*** Opening of Extracted data ***

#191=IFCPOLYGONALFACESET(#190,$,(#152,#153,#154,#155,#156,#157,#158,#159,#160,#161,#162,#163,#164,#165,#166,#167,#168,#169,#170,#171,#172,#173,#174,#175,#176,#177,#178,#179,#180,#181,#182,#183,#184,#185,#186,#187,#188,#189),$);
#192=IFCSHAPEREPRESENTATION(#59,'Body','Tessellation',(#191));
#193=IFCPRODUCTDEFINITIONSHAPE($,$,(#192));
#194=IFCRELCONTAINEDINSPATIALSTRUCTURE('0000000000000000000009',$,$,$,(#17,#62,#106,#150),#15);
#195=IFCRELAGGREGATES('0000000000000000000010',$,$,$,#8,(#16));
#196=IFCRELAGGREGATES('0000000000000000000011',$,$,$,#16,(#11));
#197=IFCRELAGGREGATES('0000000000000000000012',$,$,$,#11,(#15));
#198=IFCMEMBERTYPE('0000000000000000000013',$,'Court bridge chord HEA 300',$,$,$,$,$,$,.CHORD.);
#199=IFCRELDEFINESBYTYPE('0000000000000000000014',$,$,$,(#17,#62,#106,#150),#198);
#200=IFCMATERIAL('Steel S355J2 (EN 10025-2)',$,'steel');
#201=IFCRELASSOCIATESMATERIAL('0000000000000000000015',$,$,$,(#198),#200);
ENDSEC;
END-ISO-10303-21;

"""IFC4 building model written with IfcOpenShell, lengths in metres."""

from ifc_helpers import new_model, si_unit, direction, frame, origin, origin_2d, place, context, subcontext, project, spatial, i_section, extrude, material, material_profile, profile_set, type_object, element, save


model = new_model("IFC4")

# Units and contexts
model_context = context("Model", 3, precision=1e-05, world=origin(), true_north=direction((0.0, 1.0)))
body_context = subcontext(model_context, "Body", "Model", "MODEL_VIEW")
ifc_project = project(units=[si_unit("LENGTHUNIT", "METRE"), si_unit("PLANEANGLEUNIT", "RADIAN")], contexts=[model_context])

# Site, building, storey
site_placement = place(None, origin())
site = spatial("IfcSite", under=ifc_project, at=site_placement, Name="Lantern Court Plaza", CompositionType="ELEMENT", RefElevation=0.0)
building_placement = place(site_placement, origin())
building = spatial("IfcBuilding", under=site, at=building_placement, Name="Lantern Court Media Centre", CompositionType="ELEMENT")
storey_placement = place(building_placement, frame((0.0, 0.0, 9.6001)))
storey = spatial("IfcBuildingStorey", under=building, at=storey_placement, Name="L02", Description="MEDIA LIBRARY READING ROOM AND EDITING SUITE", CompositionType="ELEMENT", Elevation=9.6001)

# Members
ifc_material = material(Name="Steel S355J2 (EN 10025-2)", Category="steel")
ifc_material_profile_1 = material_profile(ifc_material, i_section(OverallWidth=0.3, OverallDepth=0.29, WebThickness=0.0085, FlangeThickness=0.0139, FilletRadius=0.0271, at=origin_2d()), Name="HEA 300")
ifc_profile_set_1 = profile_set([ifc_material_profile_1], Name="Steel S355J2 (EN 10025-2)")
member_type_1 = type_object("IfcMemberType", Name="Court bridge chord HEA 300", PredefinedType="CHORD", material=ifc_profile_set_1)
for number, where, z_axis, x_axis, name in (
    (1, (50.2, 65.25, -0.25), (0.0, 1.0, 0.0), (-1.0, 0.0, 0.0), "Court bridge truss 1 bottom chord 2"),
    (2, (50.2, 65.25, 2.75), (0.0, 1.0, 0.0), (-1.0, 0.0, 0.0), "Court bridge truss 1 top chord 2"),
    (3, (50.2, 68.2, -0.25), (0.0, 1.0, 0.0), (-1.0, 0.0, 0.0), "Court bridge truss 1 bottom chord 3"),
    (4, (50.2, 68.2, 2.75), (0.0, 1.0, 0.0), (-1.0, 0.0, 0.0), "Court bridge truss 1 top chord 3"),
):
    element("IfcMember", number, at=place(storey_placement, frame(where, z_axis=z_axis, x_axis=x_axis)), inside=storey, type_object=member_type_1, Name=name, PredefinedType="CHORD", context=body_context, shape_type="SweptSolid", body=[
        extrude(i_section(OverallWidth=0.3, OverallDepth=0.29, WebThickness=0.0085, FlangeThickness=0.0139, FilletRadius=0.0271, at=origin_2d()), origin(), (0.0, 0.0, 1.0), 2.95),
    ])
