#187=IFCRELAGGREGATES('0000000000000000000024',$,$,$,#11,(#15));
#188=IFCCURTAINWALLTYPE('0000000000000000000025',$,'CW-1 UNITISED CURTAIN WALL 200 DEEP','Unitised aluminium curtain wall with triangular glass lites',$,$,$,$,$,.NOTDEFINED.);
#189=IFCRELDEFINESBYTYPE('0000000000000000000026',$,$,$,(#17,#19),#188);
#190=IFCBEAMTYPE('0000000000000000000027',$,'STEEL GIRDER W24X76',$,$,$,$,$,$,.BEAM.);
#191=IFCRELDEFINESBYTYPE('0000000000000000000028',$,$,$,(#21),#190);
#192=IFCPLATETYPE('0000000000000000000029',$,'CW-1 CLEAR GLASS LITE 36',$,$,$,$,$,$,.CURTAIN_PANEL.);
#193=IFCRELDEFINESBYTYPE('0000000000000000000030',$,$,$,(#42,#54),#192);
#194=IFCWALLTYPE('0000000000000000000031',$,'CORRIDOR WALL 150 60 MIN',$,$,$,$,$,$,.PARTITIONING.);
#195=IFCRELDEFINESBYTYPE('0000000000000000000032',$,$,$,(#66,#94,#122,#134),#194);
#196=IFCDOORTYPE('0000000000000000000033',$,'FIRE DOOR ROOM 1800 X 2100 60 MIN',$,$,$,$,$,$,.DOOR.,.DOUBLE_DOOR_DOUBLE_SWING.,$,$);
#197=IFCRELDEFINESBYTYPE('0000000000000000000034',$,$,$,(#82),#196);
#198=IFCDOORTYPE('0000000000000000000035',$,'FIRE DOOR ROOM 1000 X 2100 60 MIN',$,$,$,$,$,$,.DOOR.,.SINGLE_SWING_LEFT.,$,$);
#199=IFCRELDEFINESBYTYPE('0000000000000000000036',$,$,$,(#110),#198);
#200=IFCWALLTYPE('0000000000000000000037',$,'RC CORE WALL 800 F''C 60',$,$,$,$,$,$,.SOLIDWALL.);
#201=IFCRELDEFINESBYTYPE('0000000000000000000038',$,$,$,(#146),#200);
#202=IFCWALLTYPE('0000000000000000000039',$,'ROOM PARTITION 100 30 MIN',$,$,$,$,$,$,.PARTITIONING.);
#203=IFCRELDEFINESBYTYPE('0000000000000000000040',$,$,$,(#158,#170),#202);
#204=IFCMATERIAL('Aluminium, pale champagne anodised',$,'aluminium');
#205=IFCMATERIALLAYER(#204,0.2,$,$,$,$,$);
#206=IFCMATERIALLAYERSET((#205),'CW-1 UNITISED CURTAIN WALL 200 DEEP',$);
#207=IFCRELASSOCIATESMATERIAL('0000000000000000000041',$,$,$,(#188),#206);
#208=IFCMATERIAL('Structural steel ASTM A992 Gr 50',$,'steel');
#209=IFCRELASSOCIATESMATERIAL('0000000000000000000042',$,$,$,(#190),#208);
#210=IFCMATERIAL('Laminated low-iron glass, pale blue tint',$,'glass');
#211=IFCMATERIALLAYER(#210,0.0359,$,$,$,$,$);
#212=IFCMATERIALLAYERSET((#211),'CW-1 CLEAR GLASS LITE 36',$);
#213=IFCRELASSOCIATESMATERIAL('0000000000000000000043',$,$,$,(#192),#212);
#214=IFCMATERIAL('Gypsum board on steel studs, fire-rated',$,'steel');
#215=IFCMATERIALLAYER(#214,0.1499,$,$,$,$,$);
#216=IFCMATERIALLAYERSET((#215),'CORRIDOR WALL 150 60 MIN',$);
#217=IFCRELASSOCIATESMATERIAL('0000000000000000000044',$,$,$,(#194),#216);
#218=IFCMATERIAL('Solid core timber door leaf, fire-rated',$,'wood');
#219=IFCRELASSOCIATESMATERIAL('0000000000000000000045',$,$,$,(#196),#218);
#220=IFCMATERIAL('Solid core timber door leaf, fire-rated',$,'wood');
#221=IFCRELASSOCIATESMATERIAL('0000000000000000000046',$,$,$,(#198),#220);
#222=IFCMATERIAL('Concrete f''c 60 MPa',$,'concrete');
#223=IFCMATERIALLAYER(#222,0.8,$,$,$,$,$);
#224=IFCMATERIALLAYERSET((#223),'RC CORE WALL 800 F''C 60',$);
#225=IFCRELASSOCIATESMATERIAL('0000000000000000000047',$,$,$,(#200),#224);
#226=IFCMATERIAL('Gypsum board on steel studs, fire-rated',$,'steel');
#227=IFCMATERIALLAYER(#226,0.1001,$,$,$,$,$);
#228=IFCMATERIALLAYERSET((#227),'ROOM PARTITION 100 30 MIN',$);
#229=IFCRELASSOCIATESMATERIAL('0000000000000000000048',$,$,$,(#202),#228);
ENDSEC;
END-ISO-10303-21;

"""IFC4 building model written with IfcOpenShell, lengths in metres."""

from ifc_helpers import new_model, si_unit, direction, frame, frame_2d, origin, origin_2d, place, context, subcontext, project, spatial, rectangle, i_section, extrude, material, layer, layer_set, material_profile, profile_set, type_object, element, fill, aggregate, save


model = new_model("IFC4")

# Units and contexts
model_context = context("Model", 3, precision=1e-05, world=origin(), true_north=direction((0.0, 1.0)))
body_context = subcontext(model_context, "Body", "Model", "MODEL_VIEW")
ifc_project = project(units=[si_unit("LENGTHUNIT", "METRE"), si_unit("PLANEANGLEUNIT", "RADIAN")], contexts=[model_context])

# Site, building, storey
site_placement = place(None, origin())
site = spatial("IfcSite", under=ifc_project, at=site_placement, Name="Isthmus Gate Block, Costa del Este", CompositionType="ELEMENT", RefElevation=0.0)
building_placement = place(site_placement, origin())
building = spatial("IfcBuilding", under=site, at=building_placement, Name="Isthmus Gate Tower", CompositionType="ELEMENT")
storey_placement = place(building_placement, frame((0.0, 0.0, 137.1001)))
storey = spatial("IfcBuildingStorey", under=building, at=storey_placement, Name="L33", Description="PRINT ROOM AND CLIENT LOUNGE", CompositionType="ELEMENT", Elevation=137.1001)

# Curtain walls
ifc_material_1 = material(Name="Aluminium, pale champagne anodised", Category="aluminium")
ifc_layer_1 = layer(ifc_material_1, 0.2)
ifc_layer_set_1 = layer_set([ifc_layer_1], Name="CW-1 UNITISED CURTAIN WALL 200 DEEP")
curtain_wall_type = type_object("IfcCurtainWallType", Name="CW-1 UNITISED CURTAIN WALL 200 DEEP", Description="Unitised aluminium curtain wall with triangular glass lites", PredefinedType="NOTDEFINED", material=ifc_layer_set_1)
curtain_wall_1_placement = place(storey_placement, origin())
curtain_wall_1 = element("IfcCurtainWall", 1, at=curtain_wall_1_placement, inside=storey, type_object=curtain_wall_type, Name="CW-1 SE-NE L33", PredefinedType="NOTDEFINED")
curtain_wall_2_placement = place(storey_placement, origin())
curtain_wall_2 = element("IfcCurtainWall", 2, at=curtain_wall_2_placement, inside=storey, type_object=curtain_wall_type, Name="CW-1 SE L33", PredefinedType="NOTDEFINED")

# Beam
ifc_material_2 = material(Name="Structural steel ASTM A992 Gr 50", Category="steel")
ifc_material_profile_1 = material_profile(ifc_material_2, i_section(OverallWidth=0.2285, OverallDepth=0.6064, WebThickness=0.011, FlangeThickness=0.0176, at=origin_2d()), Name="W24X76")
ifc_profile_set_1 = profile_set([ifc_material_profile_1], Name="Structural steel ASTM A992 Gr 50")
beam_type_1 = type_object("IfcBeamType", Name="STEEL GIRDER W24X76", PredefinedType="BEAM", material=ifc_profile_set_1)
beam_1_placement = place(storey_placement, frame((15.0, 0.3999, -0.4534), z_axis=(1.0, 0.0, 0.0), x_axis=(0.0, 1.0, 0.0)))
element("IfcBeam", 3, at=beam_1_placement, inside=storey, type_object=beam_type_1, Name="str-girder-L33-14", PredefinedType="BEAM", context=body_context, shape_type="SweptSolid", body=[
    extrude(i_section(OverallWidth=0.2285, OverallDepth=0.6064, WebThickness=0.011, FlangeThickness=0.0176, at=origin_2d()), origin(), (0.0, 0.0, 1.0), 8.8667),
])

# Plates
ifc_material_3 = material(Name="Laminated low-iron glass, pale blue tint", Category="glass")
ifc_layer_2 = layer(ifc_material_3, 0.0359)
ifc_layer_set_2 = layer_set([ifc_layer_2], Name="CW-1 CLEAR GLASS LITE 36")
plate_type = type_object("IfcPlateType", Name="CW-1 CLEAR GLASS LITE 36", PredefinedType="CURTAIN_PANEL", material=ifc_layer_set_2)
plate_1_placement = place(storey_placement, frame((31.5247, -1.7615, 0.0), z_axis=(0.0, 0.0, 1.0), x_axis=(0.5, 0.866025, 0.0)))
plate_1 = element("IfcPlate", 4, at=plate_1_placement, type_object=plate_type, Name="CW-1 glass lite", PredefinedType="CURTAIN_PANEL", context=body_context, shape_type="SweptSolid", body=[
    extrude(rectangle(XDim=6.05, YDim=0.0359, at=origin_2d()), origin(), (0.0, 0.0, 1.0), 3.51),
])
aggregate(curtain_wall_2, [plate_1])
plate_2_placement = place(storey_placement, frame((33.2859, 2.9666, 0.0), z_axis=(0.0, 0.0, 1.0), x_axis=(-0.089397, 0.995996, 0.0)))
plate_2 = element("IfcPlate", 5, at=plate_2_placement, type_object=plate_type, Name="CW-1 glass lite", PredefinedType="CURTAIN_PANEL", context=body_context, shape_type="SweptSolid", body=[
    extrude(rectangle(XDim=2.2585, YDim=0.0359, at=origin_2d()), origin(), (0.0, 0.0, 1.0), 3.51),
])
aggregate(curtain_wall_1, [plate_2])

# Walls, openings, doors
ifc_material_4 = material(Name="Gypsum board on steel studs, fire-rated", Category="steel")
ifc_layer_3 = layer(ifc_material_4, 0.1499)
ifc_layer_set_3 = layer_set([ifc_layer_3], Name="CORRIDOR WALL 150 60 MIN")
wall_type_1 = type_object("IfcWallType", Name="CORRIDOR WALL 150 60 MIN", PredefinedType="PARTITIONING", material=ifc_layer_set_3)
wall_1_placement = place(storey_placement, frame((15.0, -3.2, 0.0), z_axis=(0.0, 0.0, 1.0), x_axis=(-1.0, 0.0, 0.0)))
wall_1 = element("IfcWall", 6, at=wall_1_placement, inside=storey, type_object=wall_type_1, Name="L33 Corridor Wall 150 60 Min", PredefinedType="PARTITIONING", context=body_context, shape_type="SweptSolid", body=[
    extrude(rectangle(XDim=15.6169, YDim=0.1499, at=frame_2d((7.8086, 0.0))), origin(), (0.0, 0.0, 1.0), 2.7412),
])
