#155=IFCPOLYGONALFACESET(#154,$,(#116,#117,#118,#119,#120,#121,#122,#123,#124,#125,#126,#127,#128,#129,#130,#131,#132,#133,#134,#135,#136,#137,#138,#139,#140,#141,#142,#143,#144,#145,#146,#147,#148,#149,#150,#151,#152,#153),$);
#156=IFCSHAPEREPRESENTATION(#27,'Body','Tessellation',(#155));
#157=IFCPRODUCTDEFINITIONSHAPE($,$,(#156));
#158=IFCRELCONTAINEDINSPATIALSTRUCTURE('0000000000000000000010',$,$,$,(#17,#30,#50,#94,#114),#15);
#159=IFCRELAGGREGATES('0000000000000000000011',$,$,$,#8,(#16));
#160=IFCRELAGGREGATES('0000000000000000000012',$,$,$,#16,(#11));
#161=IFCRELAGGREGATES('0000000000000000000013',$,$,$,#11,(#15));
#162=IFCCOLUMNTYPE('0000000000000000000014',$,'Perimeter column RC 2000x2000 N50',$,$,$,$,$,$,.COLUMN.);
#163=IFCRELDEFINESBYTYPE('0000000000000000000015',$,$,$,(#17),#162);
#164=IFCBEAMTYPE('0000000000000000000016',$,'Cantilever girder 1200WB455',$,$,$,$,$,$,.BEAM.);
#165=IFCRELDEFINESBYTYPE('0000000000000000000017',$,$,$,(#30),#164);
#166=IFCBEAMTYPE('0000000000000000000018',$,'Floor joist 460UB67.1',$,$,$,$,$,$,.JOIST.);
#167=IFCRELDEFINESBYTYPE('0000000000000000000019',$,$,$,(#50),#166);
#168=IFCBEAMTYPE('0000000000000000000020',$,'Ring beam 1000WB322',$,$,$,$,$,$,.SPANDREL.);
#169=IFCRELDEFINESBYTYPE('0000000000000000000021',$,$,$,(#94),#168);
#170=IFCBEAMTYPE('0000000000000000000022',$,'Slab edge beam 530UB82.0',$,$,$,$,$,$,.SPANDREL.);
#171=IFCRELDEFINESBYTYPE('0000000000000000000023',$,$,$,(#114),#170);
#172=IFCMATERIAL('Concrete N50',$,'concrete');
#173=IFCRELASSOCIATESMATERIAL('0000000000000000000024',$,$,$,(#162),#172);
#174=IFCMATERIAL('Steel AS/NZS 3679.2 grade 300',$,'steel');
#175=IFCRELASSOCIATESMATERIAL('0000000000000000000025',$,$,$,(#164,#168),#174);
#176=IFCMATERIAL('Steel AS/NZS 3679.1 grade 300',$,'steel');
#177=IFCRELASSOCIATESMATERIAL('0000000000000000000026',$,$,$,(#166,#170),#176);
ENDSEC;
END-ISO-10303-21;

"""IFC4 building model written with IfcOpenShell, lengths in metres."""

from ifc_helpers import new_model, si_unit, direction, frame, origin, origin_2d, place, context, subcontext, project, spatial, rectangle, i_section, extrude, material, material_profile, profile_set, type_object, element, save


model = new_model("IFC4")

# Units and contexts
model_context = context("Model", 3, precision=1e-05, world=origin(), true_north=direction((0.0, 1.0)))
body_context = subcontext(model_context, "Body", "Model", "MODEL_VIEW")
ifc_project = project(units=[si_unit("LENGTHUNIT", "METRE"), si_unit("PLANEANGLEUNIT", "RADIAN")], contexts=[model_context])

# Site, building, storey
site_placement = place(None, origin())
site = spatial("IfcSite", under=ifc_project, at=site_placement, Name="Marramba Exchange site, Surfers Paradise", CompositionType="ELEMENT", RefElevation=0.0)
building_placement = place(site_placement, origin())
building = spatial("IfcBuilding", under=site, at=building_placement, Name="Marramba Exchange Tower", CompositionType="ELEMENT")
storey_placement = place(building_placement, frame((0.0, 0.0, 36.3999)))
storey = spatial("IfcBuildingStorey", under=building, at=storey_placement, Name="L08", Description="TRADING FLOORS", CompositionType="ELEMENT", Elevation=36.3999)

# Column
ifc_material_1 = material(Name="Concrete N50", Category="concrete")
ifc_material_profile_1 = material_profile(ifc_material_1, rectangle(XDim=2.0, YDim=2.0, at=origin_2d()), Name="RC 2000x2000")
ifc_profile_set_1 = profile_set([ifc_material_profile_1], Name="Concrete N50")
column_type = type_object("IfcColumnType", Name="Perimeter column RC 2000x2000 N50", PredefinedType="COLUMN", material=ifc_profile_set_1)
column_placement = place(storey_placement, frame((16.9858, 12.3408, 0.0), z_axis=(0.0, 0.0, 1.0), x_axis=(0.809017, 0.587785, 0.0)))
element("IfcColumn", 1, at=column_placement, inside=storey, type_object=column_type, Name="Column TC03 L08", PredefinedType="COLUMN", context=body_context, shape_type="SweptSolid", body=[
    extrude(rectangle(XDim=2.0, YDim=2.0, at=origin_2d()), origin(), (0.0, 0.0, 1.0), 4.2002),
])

*** Close of Extracted data ***

→ Task item: Take each line above that holds the string "tint" and copy it.

→ Finished task:
#210=IFCMATERIAL('Laminated low-iron glass, pale blue tint',$,'glass');
ifc_material_3 = material(Name="Laminated low-iron glass, pale blue tint", Category="glass")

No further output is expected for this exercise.